*Required action:*
Which lines of the records contain the word "clear"? Copy each one.

Entries taken from a collection
○ ○ ○

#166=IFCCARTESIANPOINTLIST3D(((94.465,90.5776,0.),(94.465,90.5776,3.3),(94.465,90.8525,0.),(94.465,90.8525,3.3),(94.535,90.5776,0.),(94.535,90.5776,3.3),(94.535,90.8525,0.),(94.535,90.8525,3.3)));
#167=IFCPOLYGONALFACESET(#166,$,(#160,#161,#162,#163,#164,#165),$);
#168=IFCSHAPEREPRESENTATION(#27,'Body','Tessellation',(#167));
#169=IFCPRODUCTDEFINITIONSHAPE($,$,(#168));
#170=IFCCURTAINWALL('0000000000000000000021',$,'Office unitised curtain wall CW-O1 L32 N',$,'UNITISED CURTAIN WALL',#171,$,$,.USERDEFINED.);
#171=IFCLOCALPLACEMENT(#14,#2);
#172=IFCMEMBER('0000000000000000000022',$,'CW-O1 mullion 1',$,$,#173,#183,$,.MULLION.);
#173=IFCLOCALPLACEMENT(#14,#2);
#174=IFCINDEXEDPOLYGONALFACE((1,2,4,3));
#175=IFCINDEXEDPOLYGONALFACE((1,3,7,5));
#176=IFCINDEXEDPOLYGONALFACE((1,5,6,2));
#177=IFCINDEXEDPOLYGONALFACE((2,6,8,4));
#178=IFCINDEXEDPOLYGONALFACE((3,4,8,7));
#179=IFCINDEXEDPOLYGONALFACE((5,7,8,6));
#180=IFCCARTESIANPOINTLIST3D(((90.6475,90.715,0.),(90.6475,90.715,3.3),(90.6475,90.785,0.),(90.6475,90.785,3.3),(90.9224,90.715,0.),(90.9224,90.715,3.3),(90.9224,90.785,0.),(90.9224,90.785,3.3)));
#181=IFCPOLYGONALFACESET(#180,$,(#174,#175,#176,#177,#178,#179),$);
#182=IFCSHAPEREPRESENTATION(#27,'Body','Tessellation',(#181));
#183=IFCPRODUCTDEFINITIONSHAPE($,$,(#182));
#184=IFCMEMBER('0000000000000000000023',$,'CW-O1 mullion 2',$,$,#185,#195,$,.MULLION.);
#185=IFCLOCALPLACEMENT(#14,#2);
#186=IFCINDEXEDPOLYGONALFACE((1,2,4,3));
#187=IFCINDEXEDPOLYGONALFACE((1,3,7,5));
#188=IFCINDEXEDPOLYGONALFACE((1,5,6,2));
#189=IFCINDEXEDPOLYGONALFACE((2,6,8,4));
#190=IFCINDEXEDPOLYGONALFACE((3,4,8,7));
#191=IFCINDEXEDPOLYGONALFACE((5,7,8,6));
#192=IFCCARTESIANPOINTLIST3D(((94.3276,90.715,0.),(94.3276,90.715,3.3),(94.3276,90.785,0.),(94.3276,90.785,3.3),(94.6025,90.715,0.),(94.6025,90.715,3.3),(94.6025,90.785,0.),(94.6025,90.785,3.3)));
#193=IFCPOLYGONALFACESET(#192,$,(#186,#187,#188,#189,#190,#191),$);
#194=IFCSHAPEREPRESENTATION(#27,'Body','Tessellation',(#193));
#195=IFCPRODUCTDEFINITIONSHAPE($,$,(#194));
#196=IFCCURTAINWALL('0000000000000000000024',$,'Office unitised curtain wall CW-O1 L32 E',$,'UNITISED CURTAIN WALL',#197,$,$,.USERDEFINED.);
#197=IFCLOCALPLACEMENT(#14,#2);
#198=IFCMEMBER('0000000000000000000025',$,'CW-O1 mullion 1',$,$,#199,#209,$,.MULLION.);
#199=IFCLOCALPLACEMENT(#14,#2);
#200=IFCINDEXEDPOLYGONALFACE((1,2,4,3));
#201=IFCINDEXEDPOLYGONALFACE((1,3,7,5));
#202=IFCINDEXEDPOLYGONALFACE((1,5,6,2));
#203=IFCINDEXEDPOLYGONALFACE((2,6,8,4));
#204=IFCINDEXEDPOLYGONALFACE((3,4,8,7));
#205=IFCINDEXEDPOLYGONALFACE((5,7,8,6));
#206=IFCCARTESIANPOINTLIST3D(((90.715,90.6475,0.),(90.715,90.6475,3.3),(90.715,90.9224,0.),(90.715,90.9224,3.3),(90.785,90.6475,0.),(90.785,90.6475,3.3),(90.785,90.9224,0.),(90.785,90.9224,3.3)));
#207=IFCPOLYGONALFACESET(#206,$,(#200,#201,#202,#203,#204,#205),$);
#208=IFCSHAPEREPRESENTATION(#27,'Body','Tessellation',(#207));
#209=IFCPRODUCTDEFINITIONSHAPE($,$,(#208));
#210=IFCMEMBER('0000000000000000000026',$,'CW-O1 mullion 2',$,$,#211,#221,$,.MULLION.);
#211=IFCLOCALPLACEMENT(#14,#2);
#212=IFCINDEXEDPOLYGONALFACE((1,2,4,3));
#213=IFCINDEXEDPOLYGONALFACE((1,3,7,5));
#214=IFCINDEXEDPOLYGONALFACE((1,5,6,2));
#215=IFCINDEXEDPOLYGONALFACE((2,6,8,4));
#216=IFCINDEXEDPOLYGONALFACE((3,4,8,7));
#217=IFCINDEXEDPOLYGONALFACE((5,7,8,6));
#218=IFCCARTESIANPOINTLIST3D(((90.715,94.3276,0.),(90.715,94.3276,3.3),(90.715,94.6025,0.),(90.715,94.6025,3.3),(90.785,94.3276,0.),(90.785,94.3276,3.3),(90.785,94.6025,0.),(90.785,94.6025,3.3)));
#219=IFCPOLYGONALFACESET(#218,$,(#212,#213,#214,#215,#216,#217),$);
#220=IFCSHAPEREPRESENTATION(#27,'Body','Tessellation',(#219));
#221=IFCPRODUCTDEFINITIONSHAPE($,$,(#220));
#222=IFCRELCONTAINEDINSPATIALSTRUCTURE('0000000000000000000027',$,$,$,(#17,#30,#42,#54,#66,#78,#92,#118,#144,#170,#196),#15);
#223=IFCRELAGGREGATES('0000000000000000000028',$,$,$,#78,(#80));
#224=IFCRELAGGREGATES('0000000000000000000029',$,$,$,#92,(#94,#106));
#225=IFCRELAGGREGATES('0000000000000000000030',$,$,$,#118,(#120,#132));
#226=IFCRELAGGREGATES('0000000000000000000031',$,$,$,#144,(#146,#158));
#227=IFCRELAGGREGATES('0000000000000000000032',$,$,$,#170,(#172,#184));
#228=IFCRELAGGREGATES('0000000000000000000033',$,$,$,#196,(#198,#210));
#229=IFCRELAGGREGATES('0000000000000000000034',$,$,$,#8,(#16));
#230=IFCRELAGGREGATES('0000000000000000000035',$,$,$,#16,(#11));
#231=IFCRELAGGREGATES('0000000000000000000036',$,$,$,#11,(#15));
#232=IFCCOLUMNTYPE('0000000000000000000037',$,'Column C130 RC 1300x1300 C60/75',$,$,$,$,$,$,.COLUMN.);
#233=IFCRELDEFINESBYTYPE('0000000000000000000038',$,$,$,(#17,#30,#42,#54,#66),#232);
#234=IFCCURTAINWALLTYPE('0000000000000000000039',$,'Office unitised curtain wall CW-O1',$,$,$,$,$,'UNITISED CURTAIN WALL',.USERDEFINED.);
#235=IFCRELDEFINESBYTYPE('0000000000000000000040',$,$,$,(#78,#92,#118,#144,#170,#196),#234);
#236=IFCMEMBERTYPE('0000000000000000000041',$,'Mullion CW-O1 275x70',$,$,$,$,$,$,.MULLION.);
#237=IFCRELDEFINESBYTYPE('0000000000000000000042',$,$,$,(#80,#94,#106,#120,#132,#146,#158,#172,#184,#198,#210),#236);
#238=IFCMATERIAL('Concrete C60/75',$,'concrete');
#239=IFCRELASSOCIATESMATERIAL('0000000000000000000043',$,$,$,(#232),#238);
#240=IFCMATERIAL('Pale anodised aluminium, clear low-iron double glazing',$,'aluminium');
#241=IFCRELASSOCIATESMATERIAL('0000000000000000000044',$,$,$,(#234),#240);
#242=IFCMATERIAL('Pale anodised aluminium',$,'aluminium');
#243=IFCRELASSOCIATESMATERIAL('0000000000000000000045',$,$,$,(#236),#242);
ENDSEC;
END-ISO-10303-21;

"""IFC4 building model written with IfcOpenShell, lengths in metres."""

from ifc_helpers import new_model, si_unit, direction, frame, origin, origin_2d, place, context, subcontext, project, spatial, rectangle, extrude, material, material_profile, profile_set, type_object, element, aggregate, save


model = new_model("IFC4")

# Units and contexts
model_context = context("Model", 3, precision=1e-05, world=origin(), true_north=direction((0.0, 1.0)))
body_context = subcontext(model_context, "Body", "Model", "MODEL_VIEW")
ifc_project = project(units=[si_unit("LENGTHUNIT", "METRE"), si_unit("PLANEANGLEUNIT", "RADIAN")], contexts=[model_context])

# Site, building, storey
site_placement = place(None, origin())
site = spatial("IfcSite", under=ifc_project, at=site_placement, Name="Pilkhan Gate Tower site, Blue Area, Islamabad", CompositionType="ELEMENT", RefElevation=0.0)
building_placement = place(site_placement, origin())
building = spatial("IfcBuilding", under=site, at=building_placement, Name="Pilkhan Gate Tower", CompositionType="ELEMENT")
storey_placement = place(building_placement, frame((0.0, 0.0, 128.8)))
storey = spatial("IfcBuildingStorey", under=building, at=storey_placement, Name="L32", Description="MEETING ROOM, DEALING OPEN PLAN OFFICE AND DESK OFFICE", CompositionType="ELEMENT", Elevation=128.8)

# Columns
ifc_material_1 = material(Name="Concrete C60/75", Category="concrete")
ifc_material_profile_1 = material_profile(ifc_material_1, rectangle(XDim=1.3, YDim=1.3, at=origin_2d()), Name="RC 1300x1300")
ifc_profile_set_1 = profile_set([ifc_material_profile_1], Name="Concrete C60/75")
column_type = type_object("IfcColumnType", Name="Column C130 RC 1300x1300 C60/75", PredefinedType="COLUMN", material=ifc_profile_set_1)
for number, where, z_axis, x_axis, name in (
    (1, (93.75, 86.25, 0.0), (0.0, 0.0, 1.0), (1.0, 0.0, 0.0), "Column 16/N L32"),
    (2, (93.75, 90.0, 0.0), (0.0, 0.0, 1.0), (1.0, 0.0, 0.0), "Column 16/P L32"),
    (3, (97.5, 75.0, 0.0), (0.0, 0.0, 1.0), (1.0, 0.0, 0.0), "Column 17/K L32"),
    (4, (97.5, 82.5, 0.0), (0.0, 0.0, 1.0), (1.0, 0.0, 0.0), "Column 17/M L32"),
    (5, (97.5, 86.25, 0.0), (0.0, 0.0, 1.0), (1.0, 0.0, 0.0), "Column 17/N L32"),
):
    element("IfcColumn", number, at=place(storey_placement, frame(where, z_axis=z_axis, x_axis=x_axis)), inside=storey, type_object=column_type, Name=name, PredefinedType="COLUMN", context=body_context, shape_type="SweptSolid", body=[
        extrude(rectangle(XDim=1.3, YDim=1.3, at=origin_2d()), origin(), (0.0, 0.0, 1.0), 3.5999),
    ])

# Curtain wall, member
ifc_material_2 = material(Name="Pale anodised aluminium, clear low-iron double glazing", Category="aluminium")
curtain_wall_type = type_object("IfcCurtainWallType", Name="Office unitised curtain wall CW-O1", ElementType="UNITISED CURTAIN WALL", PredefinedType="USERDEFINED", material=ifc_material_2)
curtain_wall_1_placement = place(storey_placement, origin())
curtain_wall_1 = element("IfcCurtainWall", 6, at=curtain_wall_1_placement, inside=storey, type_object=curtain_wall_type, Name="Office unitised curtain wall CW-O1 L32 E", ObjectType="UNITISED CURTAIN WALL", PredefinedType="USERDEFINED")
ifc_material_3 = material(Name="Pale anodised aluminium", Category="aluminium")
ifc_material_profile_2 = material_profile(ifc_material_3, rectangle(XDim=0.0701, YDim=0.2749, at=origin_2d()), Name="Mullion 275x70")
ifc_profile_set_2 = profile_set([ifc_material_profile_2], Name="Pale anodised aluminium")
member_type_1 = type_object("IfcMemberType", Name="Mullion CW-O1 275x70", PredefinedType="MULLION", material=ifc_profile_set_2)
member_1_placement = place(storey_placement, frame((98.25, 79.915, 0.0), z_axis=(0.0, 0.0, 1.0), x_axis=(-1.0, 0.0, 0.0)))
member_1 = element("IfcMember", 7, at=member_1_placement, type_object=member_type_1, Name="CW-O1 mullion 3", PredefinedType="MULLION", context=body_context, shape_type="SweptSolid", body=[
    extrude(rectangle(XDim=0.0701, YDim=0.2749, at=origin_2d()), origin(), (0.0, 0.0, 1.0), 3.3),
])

○ ○ ○

*Result of this exercise:*
#240=IFCMATERIAL('Pale anodised aluminium, clear low-iron double glazing',$,'aluminium');
ifc_material_2 = material(Name="Pale anodised aluminium, clear low-iron double glazing", Category="aluminium")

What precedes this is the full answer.